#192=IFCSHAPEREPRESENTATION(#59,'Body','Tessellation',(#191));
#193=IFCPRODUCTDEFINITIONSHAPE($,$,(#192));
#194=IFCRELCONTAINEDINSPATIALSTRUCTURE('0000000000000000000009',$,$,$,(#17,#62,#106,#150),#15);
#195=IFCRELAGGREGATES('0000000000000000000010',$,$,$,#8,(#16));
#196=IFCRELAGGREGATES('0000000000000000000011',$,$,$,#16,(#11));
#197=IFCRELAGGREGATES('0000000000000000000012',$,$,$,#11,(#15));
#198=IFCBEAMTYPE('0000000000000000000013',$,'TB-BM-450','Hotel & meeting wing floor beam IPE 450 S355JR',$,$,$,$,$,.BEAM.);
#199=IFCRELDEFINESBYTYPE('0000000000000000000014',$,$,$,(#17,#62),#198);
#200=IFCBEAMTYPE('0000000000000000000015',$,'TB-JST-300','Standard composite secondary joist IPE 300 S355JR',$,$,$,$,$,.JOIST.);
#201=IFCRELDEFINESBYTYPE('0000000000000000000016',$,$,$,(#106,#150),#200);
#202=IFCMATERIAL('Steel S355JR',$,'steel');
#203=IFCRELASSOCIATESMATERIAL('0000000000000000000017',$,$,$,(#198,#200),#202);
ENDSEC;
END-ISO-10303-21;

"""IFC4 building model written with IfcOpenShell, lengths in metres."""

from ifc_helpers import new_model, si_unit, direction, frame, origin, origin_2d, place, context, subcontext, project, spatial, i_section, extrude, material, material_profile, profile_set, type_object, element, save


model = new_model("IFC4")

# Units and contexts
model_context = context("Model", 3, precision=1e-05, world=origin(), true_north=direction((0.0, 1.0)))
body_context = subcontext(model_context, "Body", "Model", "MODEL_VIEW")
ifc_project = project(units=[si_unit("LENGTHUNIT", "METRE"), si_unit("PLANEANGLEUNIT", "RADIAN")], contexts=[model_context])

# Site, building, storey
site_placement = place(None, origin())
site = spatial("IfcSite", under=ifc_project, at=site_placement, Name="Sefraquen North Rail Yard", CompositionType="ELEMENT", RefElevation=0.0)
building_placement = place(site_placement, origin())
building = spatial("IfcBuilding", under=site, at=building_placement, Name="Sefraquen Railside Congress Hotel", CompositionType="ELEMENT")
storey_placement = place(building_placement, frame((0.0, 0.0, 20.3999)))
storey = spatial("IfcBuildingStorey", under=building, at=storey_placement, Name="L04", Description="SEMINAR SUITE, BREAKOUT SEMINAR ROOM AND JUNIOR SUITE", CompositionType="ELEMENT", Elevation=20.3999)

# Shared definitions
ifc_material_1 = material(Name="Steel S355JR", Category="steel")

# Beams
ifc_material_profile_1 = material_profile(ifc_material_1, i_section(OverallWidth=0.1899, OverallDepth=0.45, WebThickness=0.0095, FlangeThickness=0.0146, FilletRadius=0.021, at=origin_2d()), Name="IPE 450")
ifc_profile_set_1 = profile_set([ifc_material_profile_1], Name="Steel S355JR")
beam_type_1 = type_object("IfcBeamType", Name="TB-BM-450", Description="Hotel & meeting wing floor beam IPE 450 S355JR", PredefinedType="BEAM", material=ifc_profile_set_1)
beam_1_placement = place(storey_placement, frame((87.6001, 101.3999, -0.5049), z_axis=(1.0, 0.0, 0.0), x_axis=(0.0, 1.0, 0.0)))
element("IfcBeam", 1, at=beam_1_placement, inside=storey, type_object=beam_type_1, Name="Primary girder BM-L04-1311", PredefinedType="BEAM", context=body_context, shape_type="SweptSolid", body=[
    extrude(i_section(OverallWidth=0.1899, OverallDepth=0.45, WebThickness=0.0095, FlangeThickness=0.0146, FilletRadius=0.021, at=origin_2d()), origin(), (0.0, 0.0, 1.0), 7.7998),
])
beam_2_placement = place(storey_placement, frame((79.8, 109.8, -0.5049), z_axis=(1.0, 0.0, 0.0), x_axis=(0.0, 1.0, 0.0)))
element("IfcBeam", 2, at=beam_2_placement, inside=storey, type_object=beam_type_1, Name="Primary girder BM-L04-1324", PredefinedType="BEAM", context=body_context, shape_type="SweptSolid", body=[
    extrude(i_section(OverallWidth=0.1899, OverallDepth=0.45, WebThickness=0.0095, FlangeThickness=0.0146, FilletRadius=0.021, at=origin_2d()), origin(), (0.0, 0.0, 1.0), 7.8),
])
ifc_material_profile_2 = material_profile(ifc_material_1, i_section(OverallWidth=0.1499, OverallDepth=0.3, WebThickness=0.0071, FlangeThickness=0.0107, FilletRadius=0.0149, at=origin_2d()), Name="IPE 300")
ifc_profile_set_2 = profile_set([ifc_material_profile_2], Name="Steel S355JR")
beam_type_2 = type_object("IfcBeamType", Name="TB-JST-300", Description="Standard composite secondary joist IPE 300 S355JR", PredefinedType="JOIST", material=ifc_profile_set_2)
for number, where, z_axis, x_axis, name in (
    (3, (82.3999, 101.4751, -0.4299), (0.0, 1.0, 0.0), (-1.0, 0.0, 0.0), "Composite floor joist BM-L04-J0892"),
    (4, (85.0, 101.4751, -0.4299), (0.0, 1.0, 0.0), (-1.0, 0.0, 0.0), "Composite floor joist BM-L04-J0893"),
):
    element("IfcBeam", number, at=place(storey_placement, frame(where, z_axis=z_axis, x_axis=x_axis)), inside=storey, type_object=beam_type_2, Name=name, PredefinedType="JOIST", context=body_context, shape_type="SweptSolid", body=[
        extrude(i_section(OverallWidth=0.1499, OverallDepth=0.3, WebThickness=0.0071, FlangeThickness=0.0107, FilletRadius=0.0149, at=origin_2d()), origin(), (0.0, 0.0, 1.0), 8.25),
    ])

+ + + +

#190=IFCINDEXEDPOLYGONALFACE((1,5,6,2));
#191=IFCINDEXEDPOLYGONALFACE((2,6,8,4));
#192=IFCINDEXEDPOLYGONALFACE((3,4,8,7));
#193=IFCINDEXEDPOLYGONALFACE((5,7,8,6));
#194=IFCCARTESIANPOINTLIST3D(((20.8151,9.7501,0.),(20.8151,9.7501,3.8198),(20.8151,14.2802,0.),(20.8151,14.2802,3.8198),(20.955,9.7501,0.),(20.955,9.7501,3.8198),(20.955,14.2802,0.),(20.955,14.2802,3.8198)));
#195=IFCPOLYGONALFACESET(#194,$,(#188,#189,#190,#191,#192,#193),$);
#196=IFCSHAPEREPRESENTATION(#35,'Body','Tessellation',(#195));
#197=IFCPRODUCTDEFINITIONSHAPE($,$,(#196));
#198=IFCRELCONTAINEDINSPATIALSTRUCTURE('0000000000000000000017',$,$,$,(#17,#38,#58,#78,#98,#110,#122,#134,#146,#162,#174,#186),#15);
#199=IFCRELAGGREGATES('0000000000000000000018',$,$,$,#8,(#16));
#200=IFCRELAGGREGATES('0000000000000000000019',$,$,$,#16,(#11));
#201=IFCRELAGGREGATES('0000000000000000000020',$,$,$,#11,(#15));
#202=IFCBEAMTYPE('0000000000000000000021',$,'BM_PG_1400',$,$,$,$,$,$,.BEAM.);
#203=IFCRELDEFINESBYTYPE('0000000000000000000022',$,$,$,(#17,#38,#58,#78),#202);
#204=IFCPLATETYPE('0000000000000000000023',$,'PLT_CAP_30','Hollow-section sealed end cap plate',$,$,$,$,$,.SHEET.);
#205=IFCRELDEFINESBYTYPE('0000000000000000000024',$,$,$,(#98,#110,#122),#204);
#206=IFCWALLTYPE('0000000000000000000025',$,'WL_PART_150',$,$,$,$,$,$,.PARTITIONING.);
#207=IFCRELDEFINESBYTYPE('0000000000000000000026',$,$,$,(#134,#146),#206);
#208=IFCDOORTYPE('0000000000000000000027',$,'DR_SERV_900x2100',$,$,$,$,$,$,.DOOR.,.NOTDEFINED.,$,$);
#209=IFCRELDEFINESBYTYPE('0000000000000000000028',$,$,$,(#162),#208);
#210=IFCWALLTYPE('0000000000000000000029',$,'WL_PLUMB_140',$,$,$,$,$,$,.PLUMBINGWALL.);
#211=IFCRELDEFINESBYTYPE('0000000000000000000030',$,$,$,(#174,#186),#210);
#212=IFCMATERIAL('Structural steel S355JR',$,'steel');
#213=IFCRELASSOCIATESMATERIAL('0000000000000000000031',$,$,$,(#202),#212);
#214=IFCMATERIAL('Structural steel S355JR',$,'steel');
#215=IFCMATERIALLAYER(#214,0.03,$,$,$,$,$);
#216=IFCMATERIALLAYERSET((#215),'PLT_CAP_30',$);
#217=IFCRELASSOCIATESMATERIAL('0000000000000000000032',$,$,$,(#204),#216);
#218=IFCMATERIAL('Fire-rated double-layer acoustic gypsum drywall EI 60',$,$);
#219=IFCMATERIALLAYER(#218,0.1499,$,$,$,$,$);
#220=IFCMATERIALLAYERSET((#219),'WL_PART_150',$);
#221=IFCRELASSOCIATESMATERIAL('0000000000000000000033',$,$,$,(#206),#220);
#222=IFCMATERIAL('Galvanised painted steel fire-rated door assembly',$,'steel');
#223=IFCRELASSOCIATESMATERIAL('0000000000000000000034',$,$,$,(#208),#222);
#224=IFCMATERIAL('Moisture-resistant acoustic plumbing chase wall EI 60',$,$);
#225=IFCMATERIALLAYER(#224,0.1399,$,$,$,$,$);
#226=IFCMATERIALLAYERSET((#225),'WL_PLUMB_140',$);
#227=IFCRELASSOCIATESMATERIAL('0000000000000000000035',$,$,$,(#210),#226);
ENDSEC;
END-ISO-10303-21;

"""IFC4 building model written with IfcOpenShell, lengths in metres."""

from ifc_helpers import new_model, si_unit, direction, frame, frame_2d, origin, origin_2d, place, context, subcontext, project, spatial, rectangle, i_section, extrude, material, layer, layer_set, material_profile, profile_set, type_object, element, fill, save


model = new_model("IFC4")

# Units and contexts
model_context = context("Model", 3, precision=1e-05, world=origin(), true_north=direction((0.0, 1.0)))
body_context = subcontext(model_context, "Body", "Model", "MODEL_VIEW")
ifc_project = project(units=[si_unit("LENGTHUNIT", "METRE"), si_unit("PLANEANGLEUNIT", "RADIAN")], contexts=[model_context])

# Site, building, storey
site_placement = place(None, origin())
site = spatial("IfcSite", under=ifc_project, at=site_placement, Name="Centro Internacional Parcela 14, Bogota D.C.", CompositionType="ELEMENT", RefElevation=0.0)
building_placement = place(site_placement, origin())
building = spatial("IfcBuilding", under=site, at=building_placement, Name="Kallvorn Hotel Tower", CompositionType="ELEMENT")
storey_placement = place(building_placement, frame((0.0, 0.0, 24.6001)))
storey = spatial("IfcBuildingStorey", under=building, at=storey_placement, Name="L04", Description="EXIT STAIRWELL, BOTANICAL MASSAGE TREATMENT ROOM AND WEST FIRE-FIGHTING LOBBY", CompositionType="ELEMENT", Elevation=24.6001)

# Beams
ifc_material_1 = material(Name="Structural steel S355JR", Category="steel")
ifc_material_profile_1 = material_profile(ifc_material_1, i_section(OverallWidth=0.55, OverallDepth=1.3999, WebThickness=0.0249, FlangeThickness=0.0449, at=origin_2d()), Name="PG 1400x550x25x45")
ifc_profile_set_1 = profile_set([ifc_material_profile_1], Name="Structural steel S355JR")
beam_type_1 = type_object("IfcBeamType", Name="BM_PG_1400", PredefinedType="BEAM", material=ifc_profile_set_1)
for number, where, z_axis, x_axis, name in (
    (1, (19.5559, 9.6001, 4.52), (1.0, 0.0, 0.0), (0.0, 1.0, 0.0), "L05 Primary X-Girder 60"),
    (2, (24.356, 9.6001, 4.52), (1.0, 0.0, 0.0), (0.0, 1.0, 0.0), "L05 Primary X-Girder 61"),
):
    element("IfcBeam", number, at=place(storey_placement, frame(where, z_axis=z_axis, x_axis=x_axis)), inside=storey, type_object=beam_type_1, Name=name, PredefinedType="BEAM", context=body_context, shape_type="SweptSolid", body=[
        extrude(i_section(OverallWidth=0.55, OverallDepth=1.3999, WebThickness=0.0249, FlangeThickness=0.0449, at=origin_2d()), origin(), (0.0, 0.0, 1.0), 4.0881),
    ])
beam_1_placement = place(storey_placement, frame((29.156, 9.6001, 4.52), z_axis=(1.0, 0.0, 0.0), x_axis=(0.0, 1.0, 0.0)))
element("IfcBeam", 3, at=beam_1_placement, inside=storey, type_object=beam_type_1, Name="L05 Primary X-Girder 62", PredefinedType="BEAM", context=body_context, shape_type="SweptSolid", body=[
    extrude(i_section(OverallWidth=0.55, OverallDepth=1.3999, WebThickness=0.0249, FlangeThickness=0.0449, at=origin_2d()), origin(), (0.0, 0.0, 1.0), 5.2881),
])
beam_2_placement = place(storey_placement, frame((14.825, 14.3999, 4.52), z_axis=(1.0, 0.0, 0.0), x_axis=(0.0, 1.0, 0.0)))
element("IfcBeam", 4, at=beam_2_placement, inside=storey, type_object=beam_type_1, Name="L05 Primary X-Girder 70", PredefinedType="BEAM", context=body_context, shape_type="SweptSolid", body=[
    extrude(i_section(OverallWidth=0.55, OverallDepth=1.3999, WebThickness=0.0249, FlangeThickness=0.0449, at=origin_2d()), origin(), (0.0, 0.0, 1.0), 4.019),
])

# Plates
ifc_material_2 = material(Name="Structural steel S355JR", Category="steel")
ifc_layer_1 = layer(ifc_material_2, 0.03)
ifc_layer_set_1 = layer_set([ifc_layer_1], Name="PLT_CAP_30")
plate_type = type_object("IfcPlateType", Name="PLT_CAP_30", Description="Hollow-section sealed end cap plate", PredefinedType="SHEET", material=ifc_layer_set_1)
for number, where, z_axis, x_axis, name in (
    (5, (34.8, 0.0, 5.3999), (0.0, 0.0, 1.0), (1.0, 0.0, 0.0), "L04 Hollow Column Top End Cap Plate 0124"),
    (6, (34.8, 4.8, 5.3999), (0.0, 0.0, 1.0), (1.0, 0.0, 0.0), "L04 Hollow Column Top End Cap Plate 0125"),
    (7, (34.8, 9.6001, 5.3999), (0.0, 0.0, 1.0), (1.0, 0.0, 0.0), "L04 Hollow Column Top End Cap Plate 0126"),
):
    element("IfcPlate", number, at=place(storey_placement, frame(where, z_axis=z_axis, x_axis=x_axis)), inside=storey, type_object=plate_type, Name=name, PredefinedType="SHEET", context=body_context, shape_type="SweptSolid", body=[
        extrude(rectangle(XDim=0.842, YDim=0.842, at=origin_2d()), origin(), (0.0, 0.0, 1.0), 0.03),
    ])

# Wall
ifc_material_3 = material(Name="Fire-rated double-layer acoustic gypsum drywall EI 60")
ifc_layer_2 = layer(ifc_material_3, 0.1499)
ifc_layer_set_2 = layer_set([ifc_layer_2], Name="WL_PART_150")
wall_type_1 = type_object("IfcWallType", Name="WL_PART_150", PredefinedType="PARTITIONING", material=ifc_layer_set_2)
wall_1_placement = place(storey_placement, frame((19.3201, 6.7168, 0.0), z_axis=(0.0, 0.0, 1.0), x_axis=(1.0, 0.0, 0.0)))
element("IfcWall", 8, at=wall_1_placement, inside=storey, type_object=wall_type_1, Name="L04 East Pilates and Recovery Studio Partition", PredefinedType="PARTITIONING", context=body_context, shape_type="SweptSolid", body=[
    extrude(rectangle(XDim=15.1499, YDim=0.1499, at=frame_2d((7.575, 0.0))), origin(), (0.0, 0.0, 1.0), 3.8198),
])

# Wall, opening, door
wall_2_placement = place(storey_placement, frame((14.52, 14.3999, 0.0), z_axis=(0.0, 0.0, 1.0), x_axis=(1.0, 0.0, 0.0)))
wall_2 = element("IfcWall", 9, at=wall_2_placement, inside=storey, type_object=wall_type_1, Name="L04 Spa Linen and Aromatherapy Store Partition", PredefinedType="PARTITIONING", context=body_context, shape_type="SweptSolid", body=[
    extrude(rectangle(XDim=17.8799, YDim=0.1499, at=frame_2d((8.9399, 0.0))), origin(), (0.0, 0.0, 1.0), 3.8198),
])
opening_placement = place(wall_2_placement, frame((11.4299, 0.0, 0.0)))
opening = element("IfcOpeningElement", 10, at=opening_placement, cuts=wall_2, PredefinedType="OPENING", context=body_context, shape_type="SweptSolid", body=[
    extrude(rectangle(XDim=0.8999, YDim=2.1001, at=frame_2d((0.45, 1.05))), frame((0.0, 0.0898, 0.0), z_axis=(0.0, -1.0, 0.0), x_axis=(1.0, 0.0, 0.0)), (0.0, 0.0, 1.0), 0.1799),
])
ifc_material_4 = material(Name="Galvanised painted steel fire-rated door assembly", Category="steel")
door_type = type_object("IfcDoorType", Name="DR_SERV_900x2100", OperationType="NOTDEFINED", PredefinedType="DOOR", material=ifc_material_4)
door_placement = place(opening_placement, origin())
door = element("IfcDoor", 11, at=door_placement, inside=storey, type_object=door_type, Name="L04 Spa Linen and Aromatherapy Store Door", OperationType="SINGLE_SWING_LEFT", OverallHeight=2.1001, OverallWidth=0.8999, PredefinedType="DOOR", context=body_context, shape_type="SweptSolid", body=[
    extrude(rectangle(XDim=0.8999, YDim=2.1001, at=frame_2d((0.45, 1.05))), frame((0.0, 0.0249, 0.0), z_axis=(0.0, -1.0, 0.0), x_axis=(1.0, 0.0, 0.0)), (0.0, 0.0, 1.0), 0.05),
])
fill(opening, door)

+ + + +

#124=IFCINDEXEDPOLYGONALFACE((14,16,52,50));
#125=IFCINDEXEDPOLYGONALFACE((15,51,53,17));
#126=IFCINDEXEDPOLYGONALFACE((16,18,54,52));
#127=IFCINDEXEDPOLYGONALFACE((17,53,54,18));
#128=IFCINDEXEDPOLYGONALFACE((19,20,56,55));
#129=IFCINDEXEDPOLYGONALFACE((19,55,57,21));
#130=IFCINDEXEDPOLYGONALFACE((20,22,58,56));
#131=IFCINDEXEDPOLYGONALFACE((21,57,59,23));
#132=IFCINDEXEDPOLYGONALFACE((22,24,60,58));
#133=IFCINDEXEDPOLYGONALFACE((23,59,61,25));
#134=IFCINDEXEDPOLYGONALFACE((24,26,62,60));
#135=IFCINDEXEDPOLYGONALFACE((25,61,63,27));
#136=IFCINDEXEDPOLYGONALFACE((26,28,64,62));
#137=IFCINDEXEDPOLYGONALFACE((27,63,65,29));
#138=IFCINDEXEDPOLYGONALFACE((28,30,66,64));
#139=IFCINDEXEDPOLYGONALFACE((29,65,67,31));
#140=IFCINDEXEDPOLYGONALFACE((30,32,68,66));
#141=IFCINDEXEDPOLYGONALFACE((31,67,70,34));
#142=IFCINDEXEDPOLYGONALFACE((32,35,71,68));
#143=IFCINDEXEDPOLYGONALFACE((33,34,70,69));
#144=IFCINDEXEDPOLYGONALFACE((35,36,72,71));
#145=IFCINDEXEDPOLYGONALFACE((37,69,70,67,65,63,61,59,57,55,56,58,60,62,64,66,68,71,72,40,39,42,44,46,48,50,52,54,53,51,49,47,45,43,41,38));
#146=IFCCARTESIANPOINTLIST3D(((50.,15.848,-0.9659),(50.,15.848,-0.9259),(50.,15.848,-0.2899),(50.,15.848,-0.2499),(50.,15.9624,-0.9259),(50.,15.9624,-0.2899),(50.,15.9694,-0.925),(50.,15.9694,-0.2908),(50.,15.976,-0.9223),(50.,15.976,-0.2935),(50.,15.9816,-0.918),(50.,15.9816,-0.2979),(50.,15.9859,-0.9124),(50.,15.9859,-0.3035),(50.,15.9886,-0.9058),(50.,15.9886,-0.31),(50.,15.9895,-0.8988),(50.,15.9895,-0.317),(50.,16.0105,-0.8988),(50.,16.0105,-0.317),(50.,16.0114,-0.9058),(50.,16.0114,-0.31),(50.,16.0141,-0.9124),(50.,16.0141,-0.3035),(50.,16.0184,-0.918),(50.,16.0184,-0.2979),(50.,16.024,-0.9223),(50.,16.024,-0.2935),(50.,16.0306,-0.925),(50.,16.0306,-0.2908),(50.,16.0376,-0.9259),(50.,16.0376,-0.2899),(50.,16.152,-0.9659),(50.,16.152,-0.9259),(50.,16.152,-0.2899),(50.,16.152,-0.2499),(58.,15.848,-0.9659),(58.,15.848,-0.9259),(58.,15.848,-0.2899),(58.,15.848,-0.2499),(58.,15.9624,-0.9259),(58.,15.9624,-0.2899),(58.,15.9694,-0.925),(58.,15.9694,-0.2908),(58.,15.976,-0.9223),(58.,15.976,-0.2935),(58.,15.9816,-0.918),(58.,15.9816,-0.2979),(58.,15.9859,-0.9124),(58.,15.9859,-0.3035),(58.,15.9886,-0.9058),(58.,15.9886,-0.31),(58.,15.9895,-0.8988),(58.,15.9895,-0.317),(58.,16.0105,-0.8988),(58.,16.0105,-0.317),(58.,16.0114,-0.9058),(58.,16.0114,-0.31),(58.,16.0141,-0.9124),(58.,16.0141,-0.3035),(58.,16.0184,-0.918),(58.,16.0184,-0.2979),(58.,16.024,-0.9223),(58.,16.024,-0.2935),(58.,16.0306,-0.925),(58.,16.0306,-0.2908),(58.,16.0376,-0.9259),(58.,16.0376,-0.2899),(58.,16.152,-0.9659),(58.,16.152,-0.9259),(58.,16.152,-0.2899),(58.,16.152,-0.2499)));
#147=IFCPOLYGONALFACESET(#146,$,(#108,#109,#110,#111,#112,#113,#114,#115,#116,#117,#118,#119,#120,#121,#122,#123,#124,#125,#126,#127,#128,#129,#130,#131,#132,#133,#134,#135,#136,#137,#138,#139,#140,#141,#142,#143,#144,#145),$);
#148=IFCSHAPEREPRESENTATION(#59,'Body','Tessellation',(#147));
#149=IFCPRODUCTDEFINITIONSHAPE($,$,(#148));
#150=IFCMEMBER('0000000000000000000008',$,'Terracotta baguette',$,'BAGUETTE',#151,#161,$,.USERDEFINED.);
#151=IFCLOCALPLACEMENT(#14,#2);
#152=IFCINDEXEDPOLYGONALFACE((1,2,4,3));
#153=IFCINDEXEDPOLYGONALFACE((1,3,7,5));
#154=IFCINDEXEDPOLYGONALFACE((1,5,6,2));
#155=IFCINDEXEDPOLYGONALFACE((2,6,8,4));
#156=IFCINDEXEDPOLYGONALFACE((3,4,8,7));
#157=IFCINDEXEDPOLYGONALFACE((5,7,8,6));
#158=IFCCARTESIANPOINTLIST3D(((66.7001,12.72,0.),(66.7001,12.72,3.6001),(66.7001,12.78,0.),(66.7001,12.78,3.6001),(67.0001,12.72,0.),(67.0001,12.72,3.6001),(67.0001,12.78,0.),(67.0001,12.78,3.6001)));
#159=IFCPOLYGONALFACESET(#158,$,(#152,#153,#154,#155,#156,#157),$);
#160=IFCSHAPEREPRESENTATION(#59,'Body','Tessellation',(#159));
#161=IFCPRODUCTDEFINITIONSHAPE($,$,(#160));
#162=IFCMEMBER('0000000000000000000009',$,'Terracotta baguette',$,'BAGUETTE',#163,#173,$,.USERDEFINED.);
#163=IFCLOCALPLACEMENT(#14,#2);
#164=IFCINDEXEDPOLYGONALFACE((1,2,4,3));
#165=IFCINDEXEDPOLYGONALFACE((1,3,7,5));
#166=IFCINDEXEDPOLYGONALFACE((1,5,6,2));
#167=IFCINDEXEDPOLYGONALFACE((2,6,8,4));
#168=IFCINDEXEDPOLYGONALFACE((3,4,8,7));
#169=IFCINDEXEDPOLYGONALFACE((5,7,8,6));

+ + + +

▶ [Exercise]: Would you state how many lines in the listing above contain the word "drywall"? Reply with the number and no other words.

▶ [Exercise solution]: 2